▸ **PROBLEM TO SOLVE**
Look through the records below and collect all lines that hold the string "XDim".

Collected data
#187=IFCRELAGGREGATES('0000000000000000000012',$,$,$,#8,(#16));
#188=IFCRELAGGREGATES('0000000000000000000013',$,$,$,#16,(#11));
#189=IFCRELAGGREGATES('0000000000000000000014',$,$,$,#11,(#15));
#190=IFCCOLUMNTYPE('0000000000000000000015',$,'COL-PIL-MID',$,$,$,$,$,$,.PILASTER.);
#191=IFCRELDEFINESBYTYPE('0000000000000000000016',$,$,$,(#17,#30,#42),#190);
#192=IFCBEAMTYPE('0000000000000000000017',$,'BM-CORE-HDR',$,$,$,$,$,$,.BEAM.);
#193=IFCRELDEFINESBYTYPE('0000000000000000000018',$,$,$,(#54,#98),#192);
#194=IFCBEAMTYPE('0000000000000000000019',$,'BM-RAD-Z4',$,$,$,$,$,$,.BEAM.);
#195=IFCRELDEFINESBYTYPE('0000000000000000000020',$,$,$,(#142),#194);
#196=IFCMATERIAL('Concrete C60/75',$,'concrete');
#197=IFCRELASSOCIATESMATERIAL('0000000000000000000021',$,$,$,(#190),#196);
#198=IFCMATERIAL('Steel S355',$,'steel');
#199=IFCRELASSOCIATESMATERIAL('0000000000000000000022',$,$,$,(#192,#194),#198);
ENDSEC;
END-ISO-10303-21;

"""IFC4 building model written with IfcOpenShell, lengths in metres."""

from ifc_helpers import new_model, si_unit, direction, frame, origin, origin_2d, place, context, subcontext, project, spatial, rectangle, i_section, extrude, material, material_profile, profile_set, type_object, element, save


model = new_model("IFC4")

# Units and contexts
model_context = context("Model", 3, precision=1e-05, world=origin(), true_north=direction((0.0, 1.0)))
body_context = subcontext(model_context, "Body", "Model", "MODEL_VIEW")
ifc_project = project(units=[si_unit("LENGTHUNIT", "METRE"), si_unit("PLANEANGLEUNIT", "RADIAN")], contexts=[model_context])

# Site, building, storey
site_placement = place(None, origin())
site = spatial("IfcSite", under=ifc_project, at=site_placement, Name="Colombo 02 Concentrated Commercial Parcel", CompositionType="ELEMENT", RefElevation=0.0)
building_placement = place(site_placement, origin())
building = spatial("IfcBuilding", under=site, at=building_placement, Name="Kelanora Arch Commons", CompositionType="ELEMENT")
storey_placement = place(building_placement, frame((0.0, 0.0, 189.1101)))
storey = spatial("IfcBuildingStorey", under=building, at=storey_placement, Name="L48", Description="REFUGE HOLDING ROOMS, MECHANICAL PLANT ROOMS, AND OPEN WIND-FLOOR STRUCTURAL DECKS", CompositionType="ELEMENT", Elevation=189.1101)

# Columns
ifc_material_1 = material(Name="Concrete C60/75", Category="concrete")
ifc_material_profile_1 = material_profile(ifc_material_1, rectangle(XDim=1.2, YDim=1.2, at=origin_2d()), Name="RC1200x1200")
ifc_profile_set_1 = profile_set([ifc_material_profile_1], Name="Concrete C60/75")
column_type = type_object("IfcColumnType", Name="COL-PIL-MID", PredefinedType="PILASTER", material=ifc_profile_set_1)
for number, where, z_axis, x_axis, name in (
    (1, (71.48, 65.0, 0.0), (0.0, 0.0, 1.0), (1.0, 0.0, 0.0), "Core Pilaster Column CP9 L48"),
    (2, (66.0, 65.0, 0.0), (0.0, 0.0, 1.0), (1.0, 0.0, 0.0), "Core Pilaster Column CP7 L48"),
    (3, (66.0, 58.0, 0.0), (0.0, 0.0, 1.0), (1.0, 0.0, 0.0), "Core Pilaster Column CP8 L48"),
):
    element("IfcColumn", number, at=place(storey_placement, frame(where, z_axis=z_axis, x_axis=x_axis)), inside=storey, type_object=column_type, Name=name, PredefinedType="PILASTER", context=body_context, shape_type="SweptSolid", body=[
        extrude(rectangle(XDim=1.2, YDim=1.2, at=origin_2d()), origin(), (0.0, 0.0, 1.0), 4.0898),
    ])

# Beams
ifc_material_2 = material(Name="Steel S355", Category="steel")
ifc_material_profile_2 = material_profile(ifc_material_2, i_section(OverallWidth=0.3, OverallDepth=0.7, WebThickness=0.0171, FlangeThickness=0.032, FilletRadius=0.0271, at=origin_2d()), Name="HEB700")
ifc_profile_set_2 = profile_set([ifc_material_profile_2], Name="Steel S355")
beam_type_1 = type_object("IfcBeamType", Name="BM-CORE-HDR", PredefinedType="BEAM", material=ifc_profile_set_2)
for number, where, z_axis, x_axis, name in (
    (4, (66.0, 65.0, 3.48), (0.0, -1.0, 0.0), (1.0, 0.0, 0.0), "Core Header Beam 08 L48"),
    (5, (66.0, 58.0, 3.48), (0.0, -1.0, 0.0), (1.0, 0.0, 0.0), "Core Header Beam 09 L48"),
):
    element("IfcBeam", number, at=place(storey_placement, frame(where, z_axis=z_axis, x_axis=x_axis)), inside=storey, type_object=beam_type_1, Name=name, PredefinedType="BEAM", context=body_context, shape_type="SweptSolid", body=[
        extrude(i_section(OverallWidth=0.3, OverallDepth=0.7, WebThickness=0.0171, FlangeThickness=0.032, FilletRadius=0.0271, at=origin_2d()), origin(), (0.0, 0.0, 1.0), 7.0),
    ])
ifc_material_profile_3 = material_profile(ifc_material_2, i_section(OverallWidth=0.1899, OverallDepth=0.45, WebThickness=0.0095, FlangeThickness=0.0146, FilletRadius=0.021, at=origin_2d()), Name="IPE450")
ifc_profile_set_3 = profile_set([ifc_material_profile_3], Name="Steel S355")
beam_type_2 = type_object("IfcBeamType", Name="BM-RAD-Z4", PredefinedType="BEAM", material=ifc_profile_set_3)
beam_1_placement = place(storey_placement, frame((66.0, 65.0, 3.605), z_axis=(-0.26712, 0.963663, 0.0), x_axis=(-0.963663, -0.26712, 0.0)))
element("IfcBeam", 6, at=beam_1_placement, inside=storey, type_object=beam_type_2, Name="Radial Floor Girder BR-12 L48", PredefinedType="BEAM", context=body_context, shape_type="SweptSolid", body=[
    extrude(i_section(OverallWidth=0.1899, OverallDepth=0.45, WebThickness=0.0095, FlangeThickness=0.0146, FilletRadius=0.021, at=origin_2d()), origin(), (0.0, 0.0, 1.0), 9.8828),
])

* * *

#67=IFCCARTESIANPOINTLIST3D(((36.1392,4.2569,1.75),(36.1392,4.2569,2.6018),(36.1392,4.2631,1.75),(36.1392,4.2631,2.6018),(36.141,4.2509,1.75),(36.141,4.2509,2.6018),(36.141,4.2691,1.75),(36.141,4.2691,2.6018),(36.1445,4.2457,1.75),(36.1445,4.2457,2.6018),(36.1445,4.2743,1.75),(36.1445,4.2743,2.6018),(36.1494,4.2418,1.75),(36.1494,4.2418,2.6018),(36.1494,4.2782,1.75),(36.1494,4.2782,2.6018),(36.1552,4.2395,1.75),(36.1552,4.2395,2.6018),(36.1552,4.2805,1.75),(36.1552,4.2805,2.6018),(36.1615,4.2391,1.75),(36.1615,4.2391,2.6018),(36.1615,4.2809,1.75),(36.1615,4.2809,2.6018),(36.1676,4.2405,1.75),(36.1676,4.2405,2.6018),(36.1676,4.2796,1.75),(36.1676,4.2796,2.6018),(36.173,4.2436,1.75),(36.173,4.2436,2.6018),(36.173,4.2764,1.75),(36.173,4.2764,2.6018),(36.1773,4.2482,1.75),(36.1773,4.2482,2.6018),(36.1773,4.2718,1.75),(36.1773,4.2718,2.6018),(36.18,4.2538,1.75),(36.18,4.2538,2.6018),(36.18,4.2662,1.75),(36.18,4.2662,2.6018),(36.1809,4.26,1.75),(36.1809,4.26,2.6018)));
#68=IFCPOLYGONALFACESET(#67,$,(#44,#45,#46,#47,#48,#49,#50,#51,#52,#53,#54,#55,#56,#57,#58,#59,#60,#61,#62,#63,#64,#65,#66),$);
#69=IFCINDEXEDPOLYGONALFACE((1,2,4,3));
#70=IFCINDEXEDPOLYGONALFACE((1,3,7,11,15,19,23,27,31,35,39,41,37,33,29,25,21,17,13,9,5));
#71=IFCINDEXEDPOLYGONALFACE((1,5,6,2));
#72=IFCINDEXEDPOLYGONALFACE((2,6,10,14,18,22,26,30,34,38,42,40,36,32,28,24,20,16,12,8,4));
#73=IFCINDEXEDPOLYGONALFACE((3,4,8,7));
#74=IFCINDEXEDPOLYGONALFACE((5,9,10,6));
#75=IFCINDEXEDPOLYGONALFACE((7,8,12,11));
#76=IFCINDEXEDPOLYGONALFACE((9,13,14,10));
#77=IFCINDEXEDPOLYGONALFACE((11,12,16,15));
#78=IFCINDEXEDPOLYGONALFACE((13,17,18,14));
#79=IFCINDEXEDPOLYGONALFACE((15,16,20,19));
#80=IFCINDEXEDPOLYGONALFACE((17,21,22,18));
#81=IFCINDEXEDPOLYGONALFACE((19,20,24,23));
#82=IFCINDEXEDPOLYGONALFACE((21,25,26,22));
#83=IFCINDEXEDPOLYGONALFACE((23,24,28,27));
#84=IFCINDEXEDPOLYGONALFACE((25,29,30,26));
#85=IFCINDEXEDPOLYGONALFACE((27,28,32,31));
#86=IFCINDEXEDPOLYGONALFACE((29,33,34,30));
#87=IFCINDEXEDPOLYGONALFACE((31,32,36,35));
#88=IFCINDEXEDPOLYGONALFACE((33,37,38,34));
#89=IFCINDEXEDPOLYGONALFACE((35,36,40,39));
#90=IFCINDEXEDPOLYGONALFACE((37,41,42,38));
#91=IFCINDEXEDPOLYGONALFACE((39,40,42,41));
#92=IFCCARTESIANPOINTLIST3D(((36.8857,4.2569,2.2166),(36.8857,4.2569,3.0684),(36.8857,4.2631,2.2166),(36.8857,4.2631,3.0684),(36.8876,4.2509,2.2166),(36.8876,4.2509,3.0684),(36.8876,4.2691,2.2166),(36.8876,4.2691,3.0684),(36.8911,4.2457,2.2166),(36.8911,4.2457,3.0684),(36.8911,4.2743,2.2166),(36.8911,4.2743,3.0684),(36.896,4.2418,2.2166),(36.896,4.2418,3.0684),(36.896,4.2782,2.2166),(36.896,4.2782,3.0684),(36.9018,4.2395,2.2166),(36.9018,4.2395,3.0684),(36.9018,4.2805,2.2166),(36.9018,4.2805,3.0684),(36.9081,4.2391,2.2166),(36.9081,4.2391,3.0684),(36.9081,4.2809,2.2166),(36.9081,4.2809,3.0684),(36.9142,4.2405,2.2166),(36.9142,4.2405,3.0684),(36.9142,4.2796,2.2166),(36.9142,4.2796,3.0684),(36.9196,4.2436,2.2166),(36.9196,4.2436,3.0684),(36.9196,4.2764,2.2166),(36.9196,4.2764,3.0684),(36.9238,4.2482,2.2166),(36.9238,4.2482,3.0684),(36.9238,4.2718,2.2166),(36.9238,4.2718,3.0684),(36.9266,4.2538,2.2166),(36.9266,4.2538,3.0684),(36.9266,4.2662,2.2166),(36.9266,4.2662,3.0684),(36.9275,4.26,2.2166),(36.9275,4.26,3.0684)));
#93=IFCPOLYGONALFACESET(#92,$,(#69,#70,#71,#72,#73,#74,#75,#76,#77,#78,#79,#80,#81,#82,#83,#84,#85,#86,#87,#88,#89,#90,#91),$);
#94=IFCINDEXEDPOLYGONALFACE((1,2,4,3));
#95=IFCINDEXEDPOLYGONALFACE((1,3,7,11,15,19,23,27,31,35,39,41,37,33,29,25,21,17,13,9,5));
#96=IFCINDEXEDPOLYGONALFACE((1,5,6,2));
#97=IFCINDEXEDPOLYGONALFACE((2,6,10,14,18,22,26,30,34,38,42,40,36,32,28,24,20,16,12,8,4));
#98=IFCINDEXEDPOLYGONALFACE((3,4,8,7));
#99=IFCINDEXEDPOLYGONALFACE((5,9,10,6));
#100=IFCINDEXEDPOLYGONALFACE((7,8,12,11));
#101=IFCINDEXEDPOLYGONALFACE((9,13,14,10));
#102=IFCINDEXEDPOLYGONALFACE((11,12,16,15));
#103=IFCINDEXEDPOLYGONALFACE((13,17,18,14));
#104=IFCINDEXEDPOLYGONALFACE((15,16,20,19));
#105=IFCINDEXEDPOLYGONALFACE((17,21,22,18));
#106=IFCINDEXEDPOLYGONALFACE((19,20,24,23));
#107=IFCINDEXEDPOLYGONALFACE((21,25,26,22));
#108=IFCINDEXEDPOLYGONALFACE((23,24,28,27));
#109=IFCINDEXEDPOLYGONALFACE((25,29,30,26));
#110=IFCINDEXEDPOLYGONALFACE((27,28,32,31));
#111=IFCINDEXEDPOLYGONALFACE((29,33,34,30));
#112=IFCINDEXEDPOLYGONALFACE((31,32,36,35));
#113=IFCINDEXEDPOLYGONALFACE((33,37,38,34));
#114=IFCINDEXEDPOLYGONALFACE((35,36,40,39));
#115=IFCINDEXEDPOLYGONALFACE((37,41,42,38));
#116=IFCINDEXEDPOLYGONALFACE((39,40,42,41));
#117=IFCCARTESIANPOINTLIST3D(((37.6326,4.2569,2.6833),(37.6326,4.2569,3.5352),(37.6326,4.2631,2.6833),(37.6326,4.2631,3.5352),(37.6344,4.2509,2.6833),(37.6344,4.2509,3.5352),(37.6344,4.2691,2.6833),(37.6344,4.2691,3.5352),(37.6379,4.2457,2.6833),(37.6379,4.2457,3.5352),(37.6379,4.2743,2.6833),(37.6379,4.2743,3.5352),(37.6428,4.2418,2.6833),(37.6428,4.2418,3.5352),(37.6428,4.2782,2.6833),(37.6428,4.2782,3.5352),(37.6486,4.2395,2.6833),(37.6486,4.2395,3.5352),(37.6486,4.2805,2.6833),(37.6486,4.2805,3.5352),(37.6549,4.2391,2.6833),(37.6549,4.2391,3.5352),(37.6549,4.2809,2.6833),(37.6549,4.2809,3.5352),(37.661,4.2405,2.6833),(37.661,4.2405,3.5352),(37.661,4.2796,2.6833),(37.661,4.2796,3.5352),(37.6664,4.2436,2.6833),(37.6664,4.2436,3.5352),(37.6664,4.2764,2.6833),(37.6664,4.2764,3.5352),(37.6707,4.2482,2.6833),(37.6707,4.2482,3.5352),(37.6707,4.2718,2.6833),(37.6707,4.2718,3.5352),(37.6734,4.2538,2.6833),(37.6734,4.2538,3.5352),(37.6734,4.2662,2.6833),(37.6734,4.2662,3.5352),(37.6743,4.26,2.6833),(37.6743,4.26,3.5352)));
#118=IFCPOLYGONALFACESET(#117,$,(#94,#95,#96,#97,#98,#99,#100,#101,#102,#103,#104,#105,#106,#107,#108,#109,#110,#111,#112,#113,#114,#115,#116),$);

▸ **THE COMPLETED TASK**
ifc_material_profile_1 = material_profile(ifc_material_1, rectangle(XDim=1.2, YDim=1.2, at=origin_2d()), Name="RC1200x1200")
        extrude(rectangle(XDim=1.2, YDim=1.2, at=origin_2d()), origin(), (0.0, 0.0, 1.0), 4.0898),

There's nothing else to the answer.